- **Exercise requirements**
Would you please state how many lines in the entries contain the word "from"? Only the number should be given.

- **Data excerpts**
┌──

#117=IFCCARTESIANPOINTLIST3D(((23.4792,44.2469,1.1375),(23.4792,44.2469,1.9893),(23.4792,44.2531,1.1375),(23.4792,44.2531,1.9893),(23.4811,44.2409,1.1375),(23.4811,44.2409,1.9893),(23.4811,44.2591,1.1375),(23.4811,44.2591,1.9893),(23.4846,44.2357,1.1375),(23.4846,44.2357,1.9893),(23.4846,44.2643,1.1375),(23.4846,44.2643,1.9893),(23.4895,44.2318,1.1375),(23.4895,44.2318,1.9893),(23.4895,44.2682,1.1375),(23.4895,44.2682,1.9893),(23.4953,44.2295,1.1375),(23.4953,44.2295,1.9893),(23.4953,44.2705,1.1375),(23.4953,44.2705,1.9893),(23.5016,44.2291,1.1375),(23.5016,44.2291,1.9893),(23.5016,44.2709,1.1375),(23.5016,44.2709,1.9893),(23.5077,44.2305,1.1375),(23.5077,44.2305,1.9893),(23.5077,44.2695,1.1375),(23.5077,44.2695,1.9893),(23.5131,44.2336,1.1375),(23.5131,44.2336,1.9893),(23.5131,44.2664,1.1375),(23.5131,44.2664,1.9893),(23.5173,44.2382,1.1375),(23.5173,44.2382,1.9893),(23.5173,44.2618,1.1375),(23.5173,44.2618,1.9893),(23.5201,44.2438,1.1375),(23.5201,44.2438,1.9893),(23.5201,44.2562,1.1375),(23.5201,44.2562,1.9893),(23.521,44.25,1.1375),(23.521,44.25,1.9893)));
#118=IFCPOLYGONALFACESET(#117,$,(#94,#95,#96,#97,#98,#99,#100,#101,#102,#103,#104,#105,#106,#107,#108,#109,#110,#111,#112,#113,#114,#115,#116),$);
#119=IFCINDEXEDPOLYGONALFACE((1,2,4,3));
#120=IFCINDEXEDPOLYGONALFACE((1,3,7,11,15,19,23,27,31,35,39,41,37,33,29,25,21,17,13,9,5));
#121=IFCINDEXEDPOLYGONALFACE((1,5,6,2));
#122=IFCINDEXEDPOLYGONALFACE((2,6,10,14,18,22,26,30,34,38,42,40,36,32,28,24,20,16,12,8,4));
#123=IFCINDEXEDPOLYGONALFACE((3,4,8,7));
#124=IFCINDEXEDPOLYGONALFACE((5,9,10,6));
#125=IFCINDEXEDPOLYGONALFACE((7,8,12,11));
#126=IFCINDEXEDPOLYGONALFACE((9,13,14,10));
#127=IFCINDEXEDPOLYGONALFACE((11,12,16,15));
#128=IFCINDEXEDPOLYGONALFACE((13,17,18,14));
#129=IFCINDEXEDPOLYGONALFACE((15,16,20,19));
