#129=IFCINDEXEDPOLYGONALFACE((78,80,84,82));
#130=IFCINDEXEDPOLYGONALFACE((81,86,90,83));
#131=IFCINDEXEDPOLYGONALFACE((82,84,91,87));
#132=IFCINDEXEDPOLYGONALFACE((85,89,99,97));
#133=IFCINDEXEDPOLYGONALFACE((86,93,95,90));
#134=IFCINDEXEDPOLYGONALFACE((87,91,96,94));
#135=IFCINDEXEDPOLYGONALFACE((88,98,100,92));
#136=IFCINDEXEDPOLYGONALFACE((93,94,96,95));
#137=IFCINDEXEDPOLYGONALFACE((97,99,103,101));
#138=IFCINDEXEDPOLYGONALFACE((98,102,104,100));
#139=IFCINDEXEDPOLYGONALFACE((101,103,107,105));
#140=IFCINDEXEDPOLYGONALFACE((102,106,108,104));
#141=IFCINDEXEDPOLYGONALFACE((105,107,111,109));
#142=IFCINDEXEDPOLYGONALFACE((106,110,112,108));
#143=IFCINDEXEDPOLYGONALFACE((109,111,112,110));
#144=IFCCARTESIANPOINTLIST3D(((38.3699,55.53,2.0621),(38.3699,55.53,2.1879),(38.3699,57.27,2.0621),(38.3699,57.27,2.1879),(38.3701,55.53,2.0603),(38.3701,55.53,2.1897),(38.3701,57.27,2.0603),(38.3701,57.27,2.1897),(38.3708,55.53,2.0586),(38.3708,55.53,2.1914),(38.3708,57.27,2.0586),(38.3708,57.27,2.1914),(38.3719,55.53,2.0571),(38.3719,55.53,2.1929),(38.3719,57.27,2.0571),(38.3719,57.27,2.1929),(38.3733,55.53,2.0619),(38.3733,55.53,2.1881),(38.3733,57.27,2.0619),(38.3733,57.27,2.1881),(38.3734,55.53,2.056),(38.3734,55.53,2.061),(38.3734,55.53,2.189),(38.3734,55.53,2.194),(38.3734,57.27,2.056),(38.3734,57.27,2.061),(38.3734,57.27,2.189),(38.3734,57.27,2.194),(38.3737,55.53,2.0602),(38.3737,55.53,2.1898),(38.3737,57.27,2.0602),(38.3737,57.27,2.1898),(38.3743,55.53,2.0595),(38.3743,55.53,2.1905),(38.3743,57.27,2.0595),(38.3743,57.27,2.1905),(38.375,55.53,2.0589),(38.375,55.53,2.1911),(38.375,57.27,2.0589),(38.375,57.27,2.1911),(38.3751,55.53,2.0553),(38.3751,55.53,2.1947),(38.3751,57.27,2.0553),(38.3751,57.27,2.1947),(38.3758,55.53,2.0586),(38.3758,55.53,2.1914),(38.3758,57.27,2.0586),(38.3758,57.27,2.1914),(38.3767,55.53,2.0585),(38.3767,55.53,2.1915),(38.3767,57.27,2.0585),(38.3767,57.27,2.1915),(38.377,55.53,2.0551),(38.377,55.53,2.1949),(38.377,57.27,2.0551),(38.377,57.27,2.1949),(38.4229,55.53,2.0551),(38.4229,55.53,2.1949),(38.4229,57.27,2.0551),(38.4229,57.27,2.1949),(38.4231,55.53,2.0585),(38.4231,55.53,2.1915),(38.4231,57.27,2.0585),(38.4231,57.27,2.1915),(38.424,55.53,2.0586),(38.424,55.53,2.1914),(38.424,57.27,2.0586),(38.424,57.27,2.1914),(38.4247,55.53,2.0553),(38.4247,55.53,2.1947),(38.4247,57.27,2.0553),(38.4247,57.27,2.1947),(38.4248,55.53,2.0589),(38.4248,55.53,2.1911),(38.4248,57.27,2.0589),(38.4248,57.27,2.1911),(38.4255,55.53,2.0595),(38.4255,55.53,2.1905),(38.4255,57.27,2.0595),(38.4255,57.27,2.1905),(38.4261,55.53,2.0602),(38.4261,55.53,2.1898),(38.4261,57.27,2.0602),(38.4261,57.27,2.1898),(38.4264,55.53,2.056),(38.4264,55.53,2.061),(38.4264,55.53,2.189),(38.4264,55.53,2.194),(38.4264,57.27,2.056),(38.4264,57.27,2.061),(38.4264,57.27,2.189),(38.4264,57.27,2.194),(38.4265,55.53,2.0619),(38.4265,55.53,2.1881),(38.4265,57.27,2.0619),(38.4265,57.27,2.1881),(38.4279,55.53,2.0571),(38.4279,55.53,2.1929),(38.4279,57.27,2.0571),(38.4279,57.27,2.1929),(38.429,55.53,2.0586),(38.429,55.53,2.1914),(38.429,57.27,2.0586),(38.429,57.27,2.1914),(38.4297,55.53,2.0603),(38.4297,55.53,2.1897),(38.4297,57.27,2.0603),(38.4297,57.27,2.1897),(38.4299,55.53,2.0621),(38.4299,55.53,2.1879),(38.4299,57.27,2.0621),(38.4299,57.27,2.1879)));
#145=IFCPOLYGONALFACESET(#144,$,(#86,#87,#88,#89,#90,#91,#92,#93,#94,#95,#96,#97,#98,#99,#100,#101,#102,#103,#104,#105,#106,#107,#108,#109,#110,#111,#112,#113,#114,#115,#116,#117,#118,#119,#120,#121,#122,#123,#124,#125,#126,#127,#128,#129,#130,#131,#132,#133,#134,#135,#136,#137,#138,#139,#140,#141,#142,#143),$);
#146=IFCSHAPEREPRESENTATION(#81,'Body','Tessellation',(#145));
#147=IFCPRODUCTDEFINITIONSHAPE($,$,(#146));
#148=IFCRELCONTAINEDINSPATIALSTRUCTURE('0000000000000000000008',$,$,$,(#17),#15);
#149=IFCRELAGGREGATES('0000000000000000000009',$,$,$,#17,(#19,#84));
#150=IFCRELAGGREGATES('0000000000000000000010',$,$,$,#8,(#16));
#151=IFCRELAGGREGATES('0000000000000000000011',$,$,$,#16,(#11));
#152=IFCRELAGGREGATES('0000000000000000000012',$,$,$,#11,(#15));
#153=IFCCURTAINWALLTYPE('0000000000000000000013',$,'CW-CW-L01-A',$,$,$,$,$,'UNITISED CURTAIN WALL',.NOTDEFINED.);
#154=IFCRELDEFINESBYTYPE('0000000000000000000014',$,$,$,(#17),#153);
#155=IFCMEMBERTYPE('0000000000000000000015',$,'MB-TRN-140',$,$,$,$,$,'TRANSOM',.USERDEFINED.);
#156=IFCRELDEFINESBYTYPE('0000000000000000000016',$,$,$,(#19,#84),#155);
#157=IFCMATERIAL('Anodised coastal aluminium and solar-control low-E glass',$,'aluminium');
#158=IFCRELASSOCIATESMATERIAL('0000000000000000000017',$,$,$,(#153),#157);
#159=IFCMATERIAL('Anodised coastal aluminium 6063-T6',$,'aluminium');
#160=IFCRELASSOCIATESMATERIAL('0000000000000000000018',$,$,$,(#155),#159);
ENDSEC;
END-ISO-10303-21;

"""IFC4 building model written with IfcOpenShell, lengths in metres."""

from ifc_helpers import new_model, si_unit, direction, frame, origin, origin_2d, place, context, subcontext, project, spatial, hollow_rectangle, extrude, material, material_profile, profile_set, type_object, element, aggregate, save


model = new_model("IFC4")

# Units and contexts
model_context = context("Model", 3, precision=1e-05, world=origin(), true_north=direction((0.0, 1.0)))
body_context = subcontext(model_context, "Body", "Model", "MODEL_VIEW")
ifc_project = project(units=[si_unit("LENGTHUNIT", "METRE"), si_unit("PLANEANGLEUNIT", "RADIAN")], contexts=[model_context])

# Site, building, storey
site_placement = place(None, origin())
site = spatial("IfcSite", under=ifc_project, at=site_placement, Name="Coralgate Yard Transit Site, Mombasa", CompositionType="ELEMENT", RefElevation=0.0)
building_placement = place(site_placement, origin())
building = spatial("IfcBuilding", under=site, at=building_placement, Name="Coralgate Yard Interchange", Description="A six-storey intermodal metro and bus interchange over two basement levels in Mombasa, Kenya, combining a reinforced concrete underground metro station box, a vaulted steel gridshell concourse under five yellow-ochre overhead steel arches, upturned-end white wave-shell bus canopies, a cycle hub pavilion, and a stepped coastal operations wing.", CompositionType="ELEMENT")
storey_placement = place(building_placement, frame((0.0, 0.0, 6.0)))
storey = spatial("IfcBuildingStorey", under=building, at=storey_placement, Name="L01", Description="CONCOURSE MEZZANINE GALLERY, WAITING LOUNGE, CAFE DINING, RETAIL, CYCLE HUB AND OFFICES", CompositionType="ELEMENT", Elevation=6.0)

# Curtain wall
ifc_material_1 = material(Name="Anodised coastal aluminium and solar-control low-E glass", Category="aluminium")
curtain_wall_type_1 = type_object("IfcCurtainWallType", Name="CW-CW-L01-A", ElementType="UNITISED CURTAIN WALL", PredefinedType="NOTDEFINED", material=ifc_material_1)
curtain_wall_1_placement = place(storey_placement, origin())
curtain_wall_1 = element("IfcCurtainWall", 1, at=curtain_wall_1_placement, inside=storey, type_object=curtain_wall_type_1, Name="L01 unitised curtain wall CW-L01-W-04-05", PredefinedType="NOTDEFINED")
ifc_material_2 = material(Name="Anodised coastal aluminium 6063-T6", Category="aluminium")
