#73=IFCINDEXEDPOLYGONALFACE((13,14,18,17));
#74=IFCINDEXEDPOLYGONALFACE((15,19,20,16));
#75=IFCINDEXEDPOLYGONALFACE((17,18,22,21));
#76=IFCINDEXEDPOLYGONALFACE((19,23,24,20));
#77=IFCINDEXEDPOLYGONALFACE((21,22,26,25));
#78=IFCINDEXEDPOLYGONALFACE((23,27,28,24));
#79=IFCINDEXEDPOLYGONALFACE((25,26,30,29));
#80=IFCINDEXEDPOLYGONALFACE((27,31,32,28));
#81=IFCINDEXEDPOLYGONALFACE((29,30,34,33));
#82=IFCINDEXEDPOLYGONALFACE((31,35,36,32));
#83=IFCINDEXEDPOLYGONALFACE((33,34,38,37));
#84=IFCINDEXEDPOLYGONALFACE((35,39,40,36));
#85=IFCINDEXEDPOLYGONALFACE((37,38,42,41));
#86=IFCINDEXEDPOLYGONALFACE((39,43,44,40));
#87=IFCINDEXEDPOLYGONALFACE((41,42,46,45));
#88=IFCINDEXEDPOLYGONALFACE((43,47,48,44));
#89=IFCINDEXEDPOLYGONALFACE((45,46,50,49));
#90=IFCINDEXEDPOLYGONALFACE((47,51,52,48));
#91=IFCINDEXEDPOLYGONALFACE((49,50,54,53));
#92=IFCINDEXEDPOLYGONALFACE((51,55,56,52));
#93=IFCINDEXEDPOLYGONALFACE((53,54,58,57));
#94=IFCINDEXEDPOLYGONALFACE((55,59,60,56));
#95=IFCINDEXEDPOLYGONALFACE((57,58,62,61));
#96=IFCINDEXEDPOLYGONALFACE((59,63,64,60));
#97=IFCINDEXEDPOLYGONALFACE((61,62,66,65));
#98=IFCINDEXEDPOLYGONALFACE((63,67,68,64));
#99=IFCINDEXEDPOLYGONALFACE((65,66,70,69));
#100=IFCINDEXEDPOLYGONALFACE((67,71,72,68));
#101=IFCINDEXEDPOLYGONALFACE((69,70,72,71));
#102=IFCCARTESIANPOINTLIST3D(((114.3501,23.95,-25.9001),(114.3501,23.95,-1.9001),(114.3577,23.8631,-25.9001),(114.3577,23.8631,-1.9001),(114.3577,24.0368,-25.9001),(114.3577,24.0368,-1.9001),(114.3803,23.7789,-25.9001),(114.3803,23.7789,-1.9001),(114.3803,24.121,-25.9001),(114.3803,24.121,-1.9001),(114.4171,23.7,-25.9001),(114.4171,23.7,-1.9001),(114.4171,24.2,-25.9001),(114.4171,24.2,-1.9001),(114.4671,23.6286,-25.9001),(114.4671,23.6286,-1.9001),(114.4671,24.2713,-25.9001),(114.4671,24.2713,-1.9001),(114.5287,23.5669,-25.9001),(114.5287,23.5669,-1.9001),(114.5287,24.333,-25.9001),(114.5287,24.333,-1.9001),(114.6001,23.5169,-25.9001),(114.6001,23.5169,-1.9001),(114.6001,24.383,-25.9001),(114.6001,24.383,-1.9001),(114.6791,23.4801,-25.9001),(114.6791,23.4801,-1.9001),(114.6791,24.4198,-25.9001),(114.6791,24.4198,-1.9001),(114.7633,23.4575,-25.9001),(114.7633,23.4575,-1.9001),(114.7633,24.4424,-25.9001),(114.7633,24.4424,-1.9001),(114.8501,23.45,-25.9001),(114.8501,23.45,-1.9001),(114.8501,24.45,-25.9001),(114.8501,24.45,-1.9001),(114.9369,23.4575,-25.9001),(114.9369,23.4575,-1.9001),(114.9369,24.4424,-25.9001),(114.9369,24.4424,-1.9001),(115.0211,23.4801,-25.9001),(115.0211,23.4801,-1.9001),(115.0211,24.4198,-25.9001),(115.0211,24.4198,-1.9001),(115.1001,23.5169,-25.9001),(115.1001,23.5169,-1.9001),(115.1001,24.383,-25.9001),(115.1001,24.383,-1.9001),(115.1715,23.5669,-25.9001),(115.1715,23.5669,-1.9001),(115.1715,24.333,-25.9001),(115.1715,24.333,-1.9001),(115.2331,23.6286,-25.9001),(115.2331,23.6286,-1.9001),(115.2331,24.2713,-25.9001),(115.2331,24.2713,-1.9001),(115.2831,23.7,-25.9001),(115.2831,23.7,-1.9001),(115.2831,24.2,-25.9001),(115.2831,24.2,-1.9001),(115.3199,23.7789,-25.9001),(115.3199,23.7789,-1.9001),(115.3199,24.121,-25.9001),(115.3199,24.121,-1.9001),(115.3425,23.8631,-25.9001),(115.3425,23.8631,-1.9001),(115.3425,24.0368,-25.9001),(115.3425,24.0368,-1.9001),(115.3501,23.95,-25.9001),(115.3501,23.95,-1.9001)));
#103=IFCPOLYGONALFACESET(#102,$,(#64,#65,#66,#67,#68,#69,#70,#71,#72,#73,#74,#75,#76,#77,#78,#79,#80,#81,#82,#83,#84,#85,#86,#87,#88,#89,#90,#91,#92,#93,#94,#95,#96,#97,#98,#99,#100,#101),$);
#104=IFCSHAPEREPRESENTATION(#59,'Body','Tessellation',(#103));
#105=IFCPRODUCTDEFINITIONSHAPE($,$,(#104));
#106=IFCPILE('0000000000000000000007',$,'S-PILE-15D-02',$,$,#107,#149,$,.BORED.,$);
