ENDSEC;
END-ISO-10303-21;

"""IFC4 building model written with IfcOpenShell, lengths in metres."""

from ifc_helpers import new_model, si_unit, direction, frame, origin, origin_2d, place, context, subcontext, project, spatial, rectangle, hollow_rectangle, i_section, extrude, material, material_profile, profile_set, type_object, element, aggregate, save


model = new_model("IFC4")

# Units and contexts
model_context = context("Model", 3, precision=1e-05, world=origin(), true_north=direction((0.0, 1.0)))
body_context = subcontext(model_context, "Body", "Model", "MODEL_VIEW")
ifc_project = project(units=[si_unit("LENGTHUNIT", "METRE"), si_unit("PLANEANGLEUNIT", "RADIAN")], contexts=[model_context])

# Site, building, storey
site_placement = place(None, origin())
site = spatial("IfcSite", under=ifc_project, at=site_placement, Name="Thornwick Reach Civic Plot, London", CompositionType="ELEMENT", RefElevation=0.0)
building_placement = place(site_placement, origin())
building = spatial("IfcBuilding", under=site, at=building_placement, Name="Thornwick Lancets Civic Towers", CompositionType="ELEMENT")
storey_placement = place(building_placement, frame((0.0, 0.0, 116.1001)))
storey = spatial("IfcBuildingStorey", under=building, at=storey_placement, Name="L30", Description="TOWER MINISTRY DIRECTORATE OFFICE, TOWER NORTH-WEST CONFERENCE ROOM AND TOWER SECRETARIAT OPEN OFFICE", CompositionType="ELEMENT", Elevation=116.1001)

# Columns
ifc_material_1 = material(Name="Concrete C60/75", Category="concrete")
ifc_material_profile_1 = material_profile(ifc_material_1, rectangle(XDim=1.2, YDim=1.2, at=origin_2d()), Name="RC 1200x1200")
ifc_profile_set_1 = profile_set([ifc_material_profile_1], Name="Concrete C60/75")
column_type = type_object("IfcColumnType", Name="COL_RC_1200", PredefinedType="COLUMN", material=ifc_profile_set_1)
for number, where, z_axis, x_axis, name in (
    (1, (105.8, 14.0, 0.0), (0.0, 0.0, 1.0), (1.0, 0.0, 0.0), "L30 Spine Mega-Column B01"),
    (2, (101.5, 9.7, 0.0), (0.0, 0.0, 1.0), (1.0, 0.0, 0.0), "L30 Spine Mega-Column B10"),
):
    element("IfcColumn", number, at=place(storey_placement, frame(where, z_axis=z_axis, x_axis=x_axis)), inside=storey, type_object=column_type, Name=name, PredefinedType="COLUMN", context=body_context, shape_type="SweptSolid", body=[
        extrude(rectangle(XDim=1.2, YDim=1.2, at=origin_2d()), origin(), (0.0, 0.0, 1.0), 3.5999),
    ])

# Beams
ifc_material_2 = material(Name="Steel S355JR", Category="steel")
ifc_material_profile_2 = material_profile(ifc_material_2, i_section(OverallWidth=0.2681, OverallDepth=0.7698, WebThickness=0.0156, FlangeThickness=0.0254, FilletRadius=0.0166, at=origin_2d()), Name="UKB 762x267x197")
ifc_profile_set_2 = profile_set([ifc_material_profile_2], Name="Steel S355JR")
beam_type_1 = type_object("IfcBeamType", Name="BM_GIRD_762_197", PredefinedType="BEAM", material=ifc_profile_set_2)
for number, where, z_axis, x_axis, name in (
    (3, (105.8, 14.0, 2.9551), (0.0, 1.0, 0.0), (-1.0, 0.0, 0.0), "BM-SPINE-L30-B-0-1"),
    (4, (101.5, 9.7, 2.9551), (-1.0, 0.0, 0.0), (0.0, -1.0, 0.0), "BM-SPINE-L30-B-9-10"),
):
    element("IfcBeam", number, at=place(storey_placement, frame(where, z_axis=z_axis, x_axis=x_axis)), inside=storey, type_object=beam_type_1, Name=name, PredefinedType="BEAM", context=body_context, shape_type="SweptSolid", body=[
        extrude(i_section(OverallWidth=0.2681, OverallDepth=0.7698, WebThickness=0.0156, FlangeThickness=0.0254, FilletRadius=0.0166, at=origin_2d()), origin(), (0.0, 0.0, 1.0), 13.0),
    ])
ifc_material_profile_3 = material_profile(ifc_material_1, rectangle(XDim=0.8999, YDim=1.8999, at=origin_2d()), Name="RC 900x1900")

└──

- **Answer space**
2